Search the material for the word "ObjectPlacement" and report each line where it turns up.
**** Source data ****
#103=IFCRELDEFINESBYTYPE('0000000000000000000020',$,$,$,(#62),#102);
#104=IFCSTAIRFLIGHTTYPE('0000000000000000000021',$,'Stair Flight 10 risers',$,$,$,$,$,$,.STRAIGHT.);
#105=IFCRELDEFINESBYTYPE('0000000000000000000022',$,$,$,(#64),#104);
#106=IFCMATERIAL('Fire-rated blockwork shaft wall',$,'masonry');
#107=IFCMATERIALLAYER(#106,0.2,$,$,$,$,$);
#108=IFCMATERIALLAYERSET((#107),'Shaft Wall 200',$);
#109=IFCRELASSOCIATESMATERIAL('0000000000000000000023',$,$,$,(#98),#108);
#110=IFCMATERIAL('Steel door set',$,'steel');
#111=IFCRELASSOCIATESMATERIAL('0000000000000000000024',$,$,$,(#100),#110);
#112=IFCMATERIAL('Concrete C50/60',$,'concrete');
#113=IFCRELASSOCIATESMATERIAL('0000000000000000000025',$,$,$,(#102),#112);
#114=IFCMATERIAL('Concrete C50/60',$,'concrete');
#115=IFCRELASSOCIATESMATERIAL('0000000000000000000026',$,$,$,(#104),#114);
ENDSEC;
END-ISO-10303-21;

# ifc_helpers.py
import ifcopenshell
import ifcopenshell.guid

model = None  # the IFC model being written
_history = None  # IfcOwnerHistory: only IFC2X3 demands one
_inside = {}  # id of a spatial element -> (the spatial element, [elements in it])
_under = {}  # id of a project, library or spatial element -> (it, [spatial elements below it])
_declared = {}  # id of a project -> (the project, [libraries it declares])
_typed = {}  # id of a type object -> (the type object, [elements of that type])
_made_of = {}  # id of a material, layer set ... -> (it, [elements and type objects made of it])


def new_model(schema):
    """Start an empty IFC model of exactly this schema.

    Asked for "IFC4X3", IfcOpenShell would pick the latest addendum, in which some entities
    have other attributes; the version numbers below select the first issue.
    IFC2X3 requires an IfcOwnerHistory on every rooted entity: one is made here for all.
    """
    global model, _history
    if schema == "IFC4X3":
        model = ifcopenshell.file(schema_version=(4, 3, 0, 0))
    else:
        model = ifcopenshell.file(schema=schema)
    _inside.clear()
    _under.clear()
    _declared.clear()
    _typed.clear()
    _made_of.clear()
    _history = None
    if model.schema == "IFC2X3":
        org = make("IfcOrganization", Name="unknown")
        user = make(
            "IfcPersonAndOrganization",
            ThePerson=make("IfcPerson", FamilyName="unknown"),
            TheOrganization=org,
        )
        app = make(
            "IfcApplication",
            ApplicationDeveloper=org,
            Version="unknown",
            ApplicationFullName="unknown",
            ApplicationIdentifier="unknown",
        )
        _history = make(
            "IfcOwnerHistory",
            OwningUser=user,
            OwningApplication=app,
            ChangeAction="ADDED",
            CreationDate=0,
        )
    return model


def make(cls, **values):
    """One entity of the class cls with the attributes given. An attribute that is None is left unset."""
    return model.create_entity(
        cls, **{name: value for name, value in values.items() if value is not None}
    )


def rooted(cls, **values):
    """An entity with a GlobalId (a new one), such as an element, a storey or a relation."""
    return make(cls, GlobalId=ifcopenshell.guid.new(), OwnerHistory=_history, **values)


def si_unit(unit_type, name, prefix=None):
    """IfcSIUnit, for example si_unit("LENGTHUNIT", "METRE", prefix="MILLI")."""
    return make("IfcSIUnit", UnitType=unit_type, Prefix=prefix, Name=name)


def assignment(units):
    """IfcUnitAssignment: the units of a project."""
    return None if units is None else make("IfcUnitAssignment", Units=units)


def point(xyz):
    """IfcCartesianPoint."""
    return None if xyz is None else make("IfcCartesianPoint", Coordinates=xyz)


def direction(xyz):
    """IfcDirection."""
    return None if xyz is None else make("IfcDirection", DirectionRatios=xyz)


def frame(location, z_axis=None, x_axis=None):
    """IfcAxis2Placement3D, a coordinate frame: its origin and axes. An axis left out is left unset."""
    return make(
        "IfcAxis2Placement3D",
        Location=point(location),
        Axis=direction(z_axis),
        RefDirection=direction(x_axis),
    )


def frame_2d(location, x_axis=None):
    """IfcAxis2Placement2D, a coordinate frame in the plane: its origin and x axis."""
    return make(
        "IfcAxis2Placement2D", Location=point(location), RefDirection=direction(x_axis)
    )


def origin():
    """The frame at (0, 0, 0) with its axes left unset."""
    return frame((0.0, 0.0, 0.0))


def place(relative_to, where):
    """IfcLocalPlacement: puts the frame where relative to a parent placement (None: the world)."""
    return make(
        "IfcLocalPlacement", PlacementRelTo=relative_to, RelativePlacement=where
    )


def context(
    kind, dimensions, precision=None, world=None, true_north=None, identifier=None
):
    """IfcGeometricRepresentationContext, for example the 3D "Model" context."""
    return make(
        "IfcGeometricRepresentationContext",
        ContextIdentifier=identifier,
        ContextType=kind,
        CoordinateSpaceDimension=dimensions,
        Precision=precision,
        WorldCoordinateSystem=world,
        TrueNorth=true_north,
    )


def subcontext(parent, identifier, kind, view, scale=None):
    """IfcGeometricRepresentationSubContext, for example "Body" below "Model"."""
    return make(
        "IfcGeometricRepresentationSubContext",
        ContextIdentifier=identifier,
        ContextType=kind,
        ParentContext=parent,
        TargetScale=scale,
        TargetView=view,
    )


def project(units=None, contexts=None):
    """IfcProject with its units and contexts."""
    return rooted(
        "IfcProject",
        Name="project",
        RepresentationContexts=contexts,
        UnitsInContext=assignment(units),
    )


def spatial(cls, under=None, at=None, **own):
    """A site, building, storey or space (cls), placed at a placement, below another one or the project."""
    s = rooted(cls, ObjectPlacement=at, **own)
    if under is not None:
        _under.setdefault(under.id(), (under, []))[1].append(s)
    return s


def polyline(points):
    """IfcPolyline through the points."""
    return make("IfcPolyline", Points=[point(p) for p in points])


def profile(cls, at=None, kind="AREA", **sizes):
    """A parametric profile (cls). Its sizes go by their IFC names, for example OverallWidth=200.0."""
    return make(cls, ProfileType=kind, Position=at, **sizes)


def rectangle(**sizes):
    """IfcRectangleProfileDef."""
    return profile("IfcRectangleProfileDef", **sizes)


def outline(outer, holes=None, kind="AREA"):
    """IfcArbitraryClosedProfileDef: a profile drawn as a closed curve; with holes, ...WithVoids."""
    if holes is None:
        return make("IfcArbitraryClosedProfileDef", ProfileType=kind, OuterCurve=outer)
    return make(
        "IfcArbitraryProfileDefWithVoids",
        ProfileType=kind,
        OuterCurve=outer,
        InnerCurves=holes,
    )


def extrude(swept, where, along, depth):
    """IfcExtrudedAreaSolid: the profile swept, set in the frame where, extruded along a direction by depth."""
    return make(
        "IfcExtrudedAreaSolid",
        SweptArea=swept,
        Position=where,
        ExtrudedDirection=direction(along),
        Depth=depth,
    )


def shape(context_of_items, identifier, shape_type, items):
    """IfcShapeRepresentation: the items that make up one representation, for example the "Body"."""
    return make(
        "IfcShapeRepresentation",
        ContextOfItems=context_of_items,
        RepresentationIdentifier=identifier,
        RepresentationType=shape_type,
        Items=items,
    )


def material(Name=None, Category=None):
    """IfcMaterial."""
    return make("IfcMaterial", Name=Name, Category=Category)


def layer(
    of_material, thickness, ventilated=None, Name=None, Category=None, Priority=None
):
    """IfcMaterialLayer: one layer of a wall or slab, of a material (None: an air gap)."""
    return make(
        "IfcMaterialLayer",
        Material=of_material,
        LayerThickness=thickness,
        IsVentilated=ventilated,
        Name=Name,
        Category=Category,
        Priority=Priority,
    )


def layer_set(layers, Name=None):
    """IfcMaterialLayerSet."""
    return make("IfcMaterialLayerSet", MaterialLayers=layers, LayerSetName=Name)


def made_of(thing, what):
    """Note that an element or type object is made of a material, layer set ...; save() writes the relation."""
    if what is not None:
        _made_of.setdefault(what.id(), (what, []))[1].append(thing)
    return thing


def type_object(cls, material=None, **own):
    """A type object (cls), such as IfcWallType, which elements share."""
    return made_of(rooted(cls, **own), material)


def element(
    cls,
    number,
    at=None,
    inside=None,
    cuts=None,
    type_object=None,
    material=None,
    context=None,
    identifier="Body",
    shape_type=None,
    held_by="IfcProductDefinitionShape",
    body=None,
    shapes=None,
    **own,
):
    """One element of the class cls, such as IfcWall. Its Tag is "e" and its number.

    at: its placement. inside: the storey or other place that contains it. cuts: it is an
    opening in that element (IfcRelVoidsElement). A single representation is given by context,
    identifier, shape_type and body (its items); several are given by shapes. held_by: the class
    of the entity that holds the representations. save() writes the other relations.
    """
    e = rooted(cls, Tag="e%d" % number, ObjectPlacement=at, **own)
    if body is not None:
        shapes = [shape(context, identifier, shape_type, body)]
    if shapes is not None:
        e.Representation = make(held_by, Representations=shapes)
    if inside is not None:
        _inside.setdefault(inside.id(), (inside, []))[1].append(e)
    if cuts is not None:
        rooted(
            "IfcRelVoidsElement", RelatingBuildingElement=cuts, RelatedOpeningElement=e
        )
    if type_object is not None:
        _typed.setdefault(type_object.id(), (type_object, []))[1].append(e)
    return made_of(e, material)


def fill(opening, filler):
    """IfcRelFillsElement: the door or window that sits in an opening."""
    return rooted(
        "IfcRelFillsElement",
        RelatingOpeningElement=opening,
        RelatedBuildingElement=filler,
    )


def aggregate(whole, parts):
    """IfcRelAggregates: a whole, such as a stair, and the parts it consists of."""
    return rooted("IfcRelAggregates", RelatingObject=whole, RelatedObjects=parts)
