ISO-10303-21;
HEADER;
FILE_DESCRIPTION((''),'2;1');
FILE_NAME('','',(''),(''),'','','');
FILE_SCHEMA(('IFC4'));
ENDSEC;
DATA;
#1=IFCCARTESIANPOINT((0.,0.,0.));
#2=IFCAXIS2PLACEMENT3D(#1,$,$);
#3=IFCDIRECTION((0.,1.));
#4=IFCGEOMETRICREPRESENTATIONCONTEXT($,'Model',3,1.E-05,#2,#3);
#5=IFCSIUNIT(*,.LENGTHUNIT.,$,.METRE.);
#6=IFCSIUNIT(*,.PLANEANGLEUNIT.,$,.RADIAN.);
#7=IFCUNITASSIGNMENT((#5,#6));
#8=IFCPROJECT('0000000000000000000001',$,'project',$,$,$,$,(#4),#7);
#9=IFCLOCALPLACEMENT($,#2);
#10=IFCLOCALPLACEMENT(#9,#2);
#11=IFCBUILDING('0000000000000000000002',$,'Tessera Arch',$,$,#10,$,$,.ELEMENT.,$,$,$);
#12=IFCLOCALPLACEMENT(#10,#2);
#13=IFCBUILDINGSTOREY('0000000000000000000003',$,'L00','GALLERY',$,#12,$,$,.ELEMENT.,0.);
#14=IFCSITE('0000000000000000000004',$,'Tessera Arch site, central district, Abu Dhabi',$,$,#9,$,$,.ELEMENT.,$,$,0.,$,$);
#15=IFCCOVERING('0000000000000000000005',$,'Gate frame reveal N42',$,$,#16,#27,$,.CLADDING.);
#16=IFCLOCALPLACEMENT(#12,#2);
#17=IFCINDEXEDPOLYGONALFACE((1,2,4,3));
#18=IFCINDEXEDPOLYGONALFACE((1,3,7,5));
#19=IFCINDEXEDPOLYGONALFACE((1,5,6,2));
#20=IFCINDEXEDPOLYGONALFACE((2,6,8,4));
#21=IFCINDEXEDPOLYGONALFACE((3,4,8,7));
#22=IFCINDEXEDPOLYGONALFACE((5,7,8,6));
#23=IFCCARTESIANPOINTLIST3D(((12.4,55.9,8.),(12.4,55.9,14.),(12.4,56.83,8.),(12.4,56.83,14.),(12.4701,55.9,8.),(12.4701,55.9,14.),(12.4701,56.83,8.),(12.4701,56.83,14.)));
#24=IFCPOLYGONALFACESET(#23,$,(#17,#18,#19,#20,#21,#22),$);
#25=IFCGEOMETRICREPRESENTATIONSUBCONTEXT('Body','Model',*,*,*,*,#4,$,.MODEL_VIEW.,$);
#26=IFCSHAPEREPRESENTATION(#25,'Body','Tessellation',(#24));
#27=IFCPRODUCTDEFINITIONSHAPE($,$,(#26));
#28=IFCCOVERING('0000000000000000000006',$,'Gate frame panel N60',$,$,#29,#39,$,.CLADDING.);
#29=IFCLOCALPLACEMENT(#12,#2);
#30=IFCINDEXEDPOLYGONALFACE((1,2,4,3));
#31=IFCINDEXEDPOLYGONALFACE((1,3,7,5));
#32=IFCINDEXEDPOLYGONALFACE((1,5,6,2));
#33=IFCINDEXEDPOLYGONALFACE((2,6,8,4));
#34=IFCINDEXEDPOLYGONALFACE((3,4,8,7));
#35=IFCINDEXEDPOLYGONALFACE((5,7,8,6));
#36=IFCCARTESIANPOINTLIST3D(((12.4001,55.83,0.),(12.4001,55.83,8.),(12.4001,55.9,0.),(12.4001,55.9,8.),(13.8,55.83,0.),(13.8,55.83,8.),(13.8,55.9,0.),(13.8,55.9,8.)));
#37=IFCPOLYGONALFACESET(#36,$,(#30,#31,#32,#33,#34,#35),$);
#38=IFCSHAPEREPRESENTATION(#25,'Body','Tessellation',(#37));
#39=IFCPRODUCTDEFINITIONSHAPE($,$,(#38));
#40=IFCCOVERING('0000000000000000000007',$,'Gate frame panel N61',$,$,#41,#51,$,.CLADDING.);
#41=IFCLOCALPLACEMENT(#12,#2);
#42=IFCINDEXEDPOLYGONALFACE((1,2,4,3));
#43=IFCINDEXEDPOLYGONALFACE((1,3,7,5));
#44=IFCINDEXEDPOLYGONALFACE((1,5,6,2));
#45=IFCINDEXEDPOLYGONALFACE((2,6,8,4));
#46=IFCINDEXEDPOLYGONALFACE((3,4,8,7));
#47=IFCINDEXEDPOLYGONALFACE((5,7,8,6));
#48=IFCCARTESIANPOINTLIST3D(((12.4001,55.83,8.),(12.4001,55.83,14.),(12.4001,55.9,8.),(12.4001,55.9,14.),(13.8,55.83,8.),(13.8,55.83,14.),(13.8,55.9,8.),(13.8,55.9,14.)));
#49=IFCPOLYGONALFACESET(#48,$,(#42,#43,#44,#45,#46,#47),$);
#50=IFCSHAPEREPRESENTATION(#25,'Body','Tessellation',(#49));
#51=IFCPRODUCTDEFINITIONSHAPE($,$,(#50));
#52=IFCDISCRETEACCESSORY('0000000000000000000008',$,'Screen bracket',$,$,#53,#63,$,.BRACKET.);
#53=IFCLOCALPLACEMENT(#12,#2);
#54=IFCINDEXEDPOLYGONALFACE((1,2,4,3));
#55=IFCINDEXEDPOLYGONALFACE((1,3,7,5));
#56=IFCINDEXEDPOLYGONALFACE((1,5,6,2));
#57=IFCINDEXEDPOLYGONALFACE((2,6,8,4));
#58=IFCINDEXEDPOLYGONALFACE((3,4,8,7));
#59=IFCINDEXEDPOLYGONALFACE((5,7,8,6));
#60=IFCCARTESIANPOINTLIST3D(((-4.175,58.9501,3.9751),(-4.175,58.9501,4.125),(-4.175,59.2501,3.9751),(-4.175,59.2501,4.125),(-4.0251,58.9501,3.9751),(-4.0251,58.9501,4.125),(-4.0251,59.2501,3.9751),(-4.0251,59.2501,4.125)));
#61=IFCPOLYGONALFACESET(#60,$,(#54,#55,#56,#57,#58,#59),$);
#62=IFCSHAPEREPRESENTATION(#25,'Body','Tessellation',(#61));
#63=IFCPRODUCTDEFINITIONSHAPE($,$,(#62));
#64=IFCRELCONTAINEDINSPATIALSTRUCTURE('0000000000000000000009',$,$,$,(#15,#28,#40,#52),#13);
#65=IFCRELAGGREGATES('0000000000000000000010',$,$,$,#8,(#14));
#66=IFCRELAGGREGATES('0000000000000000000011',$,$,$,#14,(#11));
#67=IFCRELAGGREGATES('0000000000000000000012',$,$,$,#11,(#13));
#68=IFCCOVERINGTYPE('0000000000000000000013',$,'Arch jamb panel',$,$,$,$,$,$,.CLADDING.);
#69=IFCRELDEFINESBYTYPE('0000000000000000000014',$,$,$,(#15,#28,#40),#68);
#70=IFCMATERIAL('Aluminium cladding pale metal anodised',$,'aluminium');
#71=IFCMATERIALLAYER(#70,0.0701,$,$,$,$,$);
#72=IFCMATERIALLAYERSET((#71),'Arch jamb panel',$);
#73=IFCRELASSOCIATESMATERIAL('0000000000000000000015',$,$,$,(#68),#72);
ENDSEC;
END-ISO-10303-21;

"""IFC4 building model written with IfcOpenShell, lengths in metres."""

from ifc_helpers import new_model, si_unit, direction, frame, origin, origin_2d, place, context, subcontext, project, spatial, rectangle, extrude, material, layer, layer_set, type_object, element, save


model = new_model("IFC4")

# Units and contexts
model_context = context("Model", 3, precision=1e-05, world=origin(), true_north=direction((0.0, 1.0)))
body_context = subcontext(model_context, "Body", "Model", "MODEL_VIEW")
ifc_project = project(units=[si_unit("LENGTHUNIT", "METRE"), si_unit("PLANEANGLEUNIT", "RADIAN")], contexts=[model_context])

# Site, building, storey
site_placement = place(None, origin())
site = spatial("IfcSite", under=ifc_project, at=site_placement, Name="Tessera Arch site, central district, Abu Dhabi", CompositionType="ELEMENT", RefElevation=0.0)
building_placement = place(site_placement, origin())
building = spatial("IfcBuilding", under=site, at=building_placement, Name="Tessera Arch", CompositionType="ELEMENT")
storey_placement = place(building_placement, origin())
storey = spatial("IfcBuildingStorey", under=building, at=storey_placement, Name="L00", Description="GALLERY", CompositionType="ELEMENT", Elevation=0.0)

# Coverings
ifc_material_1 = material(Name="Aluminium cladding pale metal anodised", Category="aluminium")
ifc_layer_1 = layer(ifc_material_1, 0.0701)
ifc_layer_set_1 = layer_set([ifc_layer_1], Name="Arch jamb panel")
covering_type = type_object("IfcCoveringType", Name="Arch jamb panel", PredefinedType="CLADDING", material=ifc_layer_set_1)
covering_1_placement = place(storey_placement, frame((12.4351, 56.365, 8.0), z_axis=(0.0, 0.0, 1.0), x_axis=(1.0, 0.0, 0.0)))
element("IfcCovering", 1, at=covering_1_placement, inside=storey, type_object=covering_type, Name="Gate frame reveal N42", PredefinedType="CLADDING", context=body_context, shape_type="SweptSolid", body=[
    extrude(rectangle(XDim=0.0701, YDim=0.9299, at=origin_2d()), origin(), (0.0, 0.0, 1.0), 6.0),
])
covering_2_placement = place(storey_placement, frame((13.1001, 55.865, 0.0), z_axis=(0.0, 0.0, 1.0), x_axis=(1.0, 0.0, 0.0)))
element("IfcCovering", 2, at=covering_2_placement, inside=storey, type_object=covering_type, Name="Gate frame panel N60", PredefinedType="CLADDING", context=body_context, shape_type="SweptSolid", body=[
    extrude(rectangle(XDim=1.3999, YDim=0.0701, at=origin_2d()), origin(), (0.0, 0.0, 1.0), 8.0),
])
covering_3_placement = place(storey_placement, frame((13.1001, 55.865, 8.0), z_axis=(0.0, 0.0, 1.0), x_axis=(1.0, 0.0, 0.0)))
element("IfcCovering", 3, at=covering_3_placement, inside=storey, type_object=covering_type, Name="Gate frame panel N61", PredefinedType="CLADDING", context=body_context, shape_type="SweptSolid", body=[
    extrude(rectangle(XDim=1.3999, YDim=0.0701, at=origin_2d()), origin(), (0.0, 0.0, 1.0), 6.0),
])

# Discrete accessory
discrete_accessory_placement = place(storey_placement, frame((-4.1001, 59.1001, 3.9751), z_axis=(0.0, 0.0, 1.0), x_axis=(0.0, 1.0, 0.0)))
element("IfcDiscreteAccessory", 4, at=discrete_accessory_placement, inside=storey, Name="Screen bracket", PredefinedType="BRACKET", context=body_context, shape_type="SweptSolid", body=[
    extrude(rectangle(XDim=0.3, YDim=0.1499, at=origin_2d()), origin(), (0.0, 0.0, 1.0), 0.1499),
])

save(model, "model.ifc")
****
▶ **Task output**:
    s = rooted(cls, ObjectPlacement=at, **own)
    e = rooted(cls, Tag="e%d" % number, ObjectPlacement=at, **own)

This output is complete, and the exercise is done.